> [REQUIREMENT]: Below are entries. Reproduce exactly the lines between the line holding "#81=IFCPRODUCTDEFINITIONSHAPE($,$,(#80));" and the line holding "#105=IFCINDEXEDPOLYGONALFACE((37,39,40,38));", inclusive, and only those.

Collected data

══════

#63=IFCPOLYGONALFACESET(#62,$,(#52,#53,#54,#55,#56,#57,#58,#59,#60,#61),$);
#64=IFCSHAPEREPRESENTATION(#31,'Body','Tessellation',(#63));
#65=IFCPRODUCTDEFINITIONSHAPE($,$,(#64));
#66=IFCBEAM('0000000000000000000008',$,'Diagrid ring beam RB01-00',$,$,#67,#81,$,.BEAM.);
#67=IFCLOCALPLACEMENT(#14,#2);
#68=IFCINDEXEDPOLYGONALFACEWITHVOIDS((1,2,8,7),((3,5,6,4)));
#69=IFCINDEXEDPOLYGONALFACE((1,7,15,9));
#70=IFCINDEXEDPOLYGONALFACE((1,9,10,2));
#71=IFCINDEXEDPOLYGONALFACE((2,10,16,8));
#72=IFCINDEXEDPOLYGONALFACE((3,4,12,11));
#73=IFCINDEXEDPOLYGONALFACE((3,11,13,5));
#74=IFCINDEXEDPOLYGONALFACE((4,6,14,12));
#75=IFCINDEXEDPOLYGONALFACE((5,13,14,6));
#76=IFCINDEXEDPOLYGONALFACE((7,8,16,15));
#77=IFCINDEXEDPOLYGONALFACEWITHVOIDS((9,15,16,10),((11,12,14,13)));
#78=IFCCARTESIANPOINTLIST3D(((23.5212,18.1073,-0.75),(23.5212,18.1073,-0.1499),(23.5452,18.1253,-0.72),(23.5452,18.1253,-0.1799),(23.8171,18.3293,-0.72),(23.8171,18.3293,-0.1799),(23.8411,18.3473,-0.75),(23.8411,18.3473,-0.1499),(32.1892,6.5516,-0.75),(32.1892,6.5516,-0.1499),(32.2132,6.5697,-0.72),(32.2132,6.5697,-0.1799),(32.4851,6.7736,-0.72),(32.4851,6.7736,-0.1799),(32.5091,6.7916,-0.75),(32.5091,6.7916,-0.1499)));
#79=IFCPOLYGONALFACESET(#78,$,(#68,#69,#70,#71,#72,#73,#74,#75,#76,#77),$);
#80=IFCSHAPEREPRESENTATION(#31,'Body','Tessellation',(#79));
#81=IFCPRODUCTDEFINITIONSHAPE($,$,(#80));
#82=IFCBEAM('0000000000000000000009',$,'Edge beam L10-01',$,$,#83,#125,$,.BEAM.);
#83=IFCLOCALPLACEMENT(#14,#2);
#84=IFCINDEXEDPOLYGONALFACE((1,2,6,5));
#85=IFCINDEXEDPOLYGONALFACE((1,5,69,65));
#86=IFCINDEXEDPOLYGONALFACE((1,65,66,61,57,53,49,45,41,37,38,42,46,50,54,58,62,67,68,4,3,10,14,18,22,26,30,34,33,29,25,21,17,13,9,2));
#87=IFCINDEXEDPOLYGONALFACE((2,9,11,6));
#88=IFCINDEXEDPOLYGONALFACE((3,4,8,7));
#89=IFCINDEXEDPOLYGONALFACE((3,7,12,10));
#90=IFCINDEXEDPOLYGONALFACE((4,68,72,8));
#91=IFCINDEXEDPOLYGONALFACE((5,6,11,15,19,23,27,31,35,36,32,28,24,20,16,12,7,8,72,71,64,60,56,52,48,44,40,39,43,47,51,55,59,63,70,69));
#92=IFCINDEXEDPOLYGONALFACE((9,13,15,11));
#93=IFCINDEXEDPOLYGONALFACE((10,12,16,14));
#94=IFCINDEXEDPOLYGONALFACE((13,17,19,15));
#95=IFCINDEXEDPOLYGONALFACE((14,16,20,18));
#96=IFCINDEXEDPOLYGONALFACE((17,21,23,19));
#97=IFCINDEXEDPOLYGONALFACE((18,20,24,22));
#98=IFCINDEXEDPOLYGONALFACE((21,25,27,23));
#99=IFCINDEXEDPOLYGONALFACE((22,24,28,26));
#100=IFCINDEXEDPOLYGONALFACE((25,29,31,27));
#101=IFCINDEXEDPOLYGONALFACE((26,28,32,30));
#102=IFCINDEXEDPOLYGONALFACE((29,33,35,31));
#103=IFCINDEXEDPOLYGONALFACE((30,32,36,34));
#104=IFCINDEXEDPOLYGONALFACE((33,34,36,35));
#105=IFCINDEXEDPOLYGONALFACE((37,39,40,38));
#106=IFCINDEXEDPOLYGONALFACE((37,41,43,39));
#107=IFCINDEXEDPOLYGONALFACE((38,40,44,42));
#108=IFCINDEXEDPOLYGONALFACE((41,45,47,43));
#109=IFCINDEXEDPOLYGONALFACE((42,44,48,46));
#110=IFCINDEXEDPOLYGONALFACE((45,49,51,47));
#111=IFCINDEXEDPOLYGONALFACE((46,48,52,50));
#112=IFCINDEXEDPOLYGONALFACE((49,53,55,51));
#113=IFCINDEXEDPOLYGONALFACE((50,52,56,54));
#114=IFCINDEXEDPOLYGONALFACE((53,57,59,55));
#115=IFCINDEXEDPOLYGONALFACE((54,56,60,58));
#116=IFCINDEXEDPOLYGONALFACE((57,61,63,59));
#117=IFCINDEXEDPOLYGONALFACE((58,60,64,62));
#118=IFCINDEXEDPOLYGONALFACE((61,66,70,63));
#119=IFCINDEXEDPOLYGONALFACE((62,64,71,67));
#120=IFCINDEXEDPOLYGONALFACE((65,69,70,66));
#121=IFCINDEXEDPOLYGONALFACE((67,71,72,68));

══════

> [TASK SOLUTION]:
#81=IFCPRODUCTDEFINITIONSHAPE($,$,(#80));
#82=IFCBEAM('0000000000000000000009',$,'Edge beam L10-01',$,$,#83,#125,$,.BEAM.);
#83=IFCLOCALPLACEMENT(#14,#2);
#84=IFCINDEXEDPOLYGONALFACE((1,2,6,5));
#85=IFCINDEXEDPOLYGONALFACE((1,5,69,65));
#86=IFCINDEXEDPOLYGONALFACE((1,65,66,61,57,53,49,45,41,37,38,42,46,50,54,58,62,67,68,4,3,10,14,18,22,26,30,34,33,29,25,21,17,13,9,2));
#87=IFCINDEXEDPOLYGONALFACE((2,9,11,6));
#88=IFCINDEXEDPOLYGONALFACE((3,4,8,7));
#89=IFCINDEXEDPOLYGONALFACE((3,7,12,10));
#90=IFCINDEXEDPOLYGONALFACE((4,68,72,8));
#91=IFCINDEXEDPOLYGONALFACE((5,6,11,15,19,23,27,31,35,36,32,28,24,20,16,12,7,8,72,71,64,60,56,52,48,44,40,39,43,47,51,55,59,63,70,69));
#92=IFCINDEXEDPOLYGONALFACE((9,13,15,11));
#93=IFCINDEXEDPOLYGONALFACE((10,12,16,14));
#94=IFCINDEXEDPOLYGONALFACE((13,17,19,15));
#95=IFCINDEXEDPOLYGONALFACE((14,16,20,18));
#96=IFCINDEXEDPOLYGONALFACE((17,21,23,19));
#97=IFCINDEXEDPOLYGONALFACE((18,20,24,22));
#98=IFCINDEXEDPOLYGONALFACE((21,25,27,23));
#99=IFCINDEXEDPOLYGONALFACE((22,24,28,26));
#100=IFCINDEXEDPOLYGONALFACE((25,29,31,27));
#101=IFCINDEXEDPOLYGONALFACE((26,28,32,30));
#102=IFCINDEXEDPOLYGONALFACE((29,33,35,31));
#103=IFCINDEXEDPOLYGONALFACE((30,32,36,34));
#104=IFCINDEXEDPOLYGONALFACE((33,34,36,35));
#105=IFCINDEXEDPOLYGONALFACE((37,39,40,38));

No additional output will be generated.